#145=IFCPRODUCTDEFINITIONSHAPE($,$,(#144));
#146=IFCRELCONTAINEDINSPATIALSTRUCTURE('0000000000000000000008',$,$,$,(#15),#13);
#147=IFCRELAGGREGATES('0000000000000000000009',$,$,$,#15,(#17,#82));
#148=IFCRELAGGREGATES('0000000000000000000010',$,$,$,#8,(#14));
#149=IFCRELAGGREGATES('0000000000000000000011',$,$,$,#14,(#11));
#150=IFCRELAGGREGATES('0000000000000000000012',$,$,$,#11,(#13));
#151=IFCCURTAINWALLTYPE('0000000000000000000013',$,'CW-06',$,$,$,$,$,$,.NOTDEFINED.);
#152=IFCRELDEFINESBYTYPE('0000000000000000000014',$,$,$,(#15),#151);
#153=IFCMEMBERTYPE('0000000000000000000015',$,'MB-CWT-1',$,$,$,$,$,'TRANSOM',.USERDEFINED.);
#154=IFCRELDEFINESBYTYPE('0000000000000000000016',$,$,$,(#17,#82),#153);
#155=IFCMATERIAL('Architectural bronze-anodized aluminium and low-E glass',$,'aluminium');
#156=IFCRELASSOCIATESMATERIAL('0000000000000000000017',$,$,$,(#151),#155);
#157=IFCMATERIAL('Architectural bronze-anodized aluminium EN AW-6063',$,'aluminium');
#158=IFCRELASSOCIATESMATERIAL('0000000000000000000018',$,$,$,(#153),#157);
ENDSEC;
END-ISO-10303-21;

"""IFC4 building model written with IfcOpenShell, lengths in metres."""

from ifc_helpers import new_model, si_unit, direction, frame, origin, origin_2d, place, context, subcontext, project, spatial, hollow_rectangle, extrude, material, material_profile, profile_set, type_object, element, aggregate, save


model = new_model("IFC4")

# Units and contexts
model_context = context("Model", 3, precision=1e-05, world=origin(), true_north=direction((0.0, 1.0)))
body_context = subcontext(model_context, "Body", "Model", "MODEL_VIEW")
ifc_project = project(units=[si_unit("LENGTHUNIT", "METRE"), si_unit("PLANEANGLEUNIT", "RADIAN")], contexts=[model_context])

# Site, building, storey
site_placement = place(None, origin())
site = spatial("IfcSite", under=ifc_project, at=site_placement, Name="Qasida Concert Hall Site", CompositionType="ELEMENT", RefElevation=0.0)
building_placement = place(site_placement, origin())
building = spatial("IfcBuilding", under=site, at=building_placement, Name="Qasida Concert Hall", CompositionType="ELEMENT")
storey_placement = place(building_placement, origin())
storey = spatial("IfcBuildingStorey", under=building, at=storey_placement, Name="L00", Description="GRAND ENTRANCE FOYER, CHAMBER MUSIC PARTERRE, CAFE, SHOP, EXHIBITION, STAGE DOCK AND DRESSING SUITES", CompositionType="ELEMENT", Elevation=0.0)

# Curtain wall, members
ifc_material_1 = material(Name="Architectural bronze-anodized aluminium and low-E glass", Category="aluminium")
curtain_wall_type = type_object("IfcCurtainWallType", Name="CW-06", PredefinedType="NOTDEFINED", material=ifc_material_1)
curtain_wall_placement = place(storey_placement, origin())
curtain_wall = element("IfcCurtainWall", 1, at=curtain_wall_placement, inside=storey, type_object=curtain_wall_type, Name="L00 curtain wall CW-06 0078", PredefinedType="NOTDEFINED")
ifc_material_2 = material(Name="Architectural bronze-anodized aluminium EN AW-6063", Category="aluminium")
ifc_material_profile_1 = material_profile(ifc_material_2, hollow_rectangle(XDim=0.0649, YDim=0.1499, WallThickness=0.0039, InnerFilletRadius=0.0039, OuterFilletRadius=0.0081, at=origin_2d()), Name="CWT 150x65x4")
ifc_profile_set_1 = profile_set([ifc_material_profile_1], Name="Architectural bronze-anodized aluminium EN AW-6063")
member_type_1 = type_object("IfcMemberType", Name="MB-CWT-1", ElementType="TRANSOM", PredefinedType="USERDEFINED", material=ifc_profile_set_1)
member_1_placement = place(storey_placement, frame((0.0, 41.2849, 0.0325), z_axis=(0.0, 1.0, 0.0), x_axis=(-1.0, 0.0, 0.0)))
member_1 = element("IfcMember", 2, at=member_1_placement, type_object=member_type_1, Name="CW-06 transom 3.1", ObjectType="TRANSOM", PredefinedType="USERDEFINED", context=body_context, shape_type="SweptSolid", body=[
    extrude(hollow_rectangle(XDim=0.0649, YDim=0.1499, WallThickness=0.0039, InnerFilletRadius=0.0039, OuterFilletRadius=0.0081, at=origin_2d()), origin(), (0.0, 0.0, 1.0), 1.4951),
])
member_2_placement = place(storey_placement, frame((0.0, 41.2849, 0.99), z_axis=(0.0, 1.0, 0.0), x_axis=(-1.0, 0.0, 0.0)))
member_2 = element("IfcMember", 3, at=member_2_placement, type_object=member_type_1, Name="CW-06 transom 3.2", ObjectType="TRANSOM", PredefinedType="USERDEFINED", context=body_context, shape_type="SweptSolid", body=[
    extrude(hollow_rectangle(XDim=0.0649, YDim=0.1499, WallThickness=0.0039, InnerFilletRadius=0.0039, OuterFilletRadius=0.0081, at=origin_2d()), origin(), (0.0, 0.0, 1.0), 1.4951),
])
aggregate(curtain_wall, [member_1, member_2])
^^^^^^^^
Work instruction —
A single number is the answer: the count of lines above that include the string "bronze".

Exercise output —
5